**About this exercise**. Could every line of the data be copied out once more, exactly?

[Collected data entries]
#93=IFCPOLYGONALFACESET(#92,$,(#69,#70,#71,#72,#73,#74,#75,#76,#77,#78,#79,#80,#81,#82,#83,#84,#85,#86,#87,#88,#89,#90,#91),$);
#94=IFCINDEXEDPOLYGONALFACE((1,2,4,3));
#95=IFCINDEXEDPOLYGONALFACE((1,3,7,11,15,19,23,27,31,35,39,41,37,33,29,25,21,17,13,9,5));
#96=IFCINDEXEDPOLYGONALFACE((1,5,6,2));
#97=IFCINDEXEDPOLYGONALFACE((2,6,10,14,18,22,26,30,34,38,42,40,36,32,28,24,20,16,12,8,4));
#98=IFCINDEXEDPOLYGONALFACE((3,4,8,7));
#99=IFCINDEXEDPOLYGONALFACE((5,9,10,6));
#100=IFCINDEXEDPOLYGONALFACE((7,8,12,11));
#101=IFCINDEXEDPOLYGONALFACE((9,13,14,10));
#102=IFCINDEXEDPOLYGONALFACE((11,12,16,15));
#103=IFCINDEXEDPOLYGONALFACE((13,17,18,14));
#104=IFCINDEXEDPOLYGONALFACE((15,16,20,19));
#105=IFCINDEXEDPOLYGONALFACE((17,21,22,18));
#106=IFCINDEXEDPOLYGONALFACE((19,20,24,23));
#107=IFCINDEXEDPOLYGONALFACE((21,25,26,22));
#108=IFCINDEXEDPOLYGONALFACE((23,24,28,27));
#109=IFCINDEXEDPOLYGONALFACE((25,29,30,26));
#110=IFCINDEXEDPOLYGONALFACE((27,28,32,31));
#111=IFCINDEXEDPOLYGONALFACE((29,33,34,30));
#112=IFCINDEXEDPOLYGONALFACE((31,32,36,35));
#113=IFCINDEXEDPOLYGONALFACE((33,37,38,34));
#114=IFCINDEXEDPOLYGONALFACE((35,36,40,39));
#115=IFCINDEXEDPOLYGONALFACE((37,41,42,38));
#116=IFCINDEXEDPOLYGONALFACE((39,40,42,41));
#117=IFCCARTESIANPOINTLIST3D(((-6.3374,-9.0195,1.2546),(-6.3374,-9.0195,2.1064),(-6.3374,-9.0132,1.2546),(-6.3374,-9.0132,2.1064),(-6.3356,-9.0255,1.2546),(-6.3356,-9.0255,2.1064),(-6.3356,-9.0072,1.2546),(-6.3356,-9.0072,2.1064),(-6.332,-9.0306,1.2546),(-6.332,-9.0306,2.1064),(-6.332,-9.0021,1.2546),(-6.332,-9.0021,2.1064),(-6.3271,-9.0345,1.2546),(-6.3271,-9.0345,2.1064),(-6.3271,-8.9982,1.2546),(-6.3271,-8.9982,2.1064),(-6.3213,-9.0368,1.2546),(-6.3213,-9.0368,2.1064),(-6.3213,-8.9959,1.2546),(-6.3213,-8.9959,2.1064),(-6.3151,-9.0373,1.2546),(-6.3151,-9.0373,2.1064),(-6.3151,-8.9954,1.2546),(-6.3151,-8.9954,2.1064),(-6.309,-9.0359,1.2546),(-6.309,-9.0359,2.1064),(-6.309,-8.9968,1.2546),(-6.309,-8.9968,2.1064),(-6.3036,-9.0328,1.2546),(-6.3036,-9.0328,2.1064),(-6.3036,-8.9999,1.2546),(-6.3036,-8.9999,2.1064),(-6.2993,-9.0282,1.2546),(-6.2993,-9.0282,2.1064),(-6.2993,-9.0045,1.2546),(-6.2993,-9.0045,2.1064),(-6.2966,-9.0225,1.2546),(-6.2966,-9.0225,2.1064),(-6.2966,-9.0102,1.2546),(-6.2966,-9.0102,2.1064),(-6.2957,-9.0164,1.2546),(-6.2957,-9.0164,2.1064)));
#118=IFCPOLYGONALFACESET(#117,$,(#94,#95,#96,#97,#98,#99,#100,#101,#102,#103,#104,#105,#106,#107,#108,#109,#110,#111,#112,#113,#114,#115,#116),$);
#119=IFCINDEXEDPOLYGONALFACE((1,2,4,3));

**Finished task**.
#93=IFCPOLYGONALFACESET(#92,$,(#69,#70,#71,#72,#73,#74,#75,#76,#77,#78,#79,#80,#81,#82,#83,#84,#85,#86,#87,#88,#89,#90,#91),$);
#94=IFCINDEXEDPOLYGONALFACE((1,2,4,3));
#95=IFCINDEXEDPOLYGONALFACE((1,3,7,11,15,19,23,27,31,35,39,41,37,33,29,25,21,17,13,9,5));
#96=IFCINDEXEDPOLYGONALFACE((1,5,6,2));
#97=IFCINDEXEDPOLYGONALFACE((2,6,10,14,18,22,26,30,34,38,42,40,36,32,28,24,20,16,12,8,4));
#98=IFCINDEXEDPOLYGONALFACE((3,4,8,7));
#99=IFCINDEXEDPOLYGONALFACE((5,9,10,6));
#100=IFCINDEXEDPOLYGONALFACE((7,8,12,11));
#101=IFCINDEXEDPOLYGONALFACE((9,13,14,10));
#102=IFCINDEXEDPOLYGONALFACE((11,12,16,15));
#103=IFCINDEXEDPOLYGONALFACE((13,17,18,14));
#104=IFCINDEXEDPOLYGONALFACE((15,16,20,19));
#105=IFCINDEXEDPOLYGONALFACE((17,21,22,18));
#106=IFCINDEXEDPOLYGONALFACE((19,20,24,23));
#107=IFCINDEXEDPOLYGONALFACE((21,25,26,22));
#108=IFCINDEXEDPOLYGONALFACE((23,24,28,27));
#109=IFCINDEXEDPOLYGONALFACE((25,29,30,26));
#110=IFCINDEXEDPOLYGONALFACE((27,28,32,31));
#111=IFCINDEXEDPOLYGONALFACE((29,33,34,30));
#112=IFCINDEXEDPOLYGONALFACE((31,32,36,35));
#113=IFCINDEXEDPOLYGONALFACE((33,37,38,34));
#114=IFCINDEXEDPOLYGONALFACE((35,36,40,39));
#115=IFCINDEXEDPOLYGONALFACE((37,41,42,38));
#116=IFCINDEXEDPOLYGONALFACE((39,40,42,41));
#117=IFCCARTESIANPOINTLIST3D(((-6.3374,-9.0195,1.2546),(-6.3374,-9.0195,2.1064),(-6.3374,-9.0132,1.2546),(-6.3374,-9.0132,2.1064),(-6.3356,-9.0255,1.2546),(-6.3356,-9.0255,2.1064),(-6.3356,-9.0072,1.2546),(-6.3356,-9.0072,2.1064),(-6.332,-9.0306,1.2546),(-6.332,-9.0306,2.1064),(-6.332,-9.0021,1.2546),(-6.332,-9.0021,2.1064),(-6.3271,-9.0345,1.2546),(-6.3271,-9.0345,2.1064),(-6.3271,-8.9982,1.2546),(-6.3271,-8.9982,2.1064),(-6.3213,-9.0368,1.2546),(-6.3213,-9.0368,2.1064),(-6.3213,-8.9959,1.2546),(-6.3213,-8.9959,2.1064),(-6.3151,-9.0373,1.2546),(-6.3151,-9.0373,2.1064),(-6.3151,-8.9954,1.2546),(-6.3151,-8.9954,2.1064),(-6.309,-9.0359,1.2546),(-6.309,-9.0359,2.1064),(-6.309,-8.9968,1.2546),(-6.309,-8.9968,2.1064),(-6.3036,-9.0328,1.2546),(-6.3036,-9.0328,2.1064),(-6.3036,-8.9999,1.2546),(-6.3036,-8.9999,2.1064),(-6.2993,-9.0282,1.2546),(-6.2993,-9.0282,2.1064),(-6.2993,-9.0045,1.2546),(-6.2993,-9.0045,2.1064),(-6.2966,-9.0225,1.2546),(-6.2966,-9.0225,2.1064),(-6.2966,-9.0102,1.2546),(-6.2966,-9.0102,2.1064),(-6.2957,-9.0164,1.2546),(-6.2957,-9.0164,2.1064)));
#118=IFCPOLYGONALFACESET(#117,$,(#94,#95,#96,#97,#98,#99,#100,#101,#102,#103,#104,#105,#106,#107,#108,#109,#110,#111,#112,#113,#114,#115,#116),$);
#119=IFCINDEXEDPOLYGONALFACE((1,2,4,3));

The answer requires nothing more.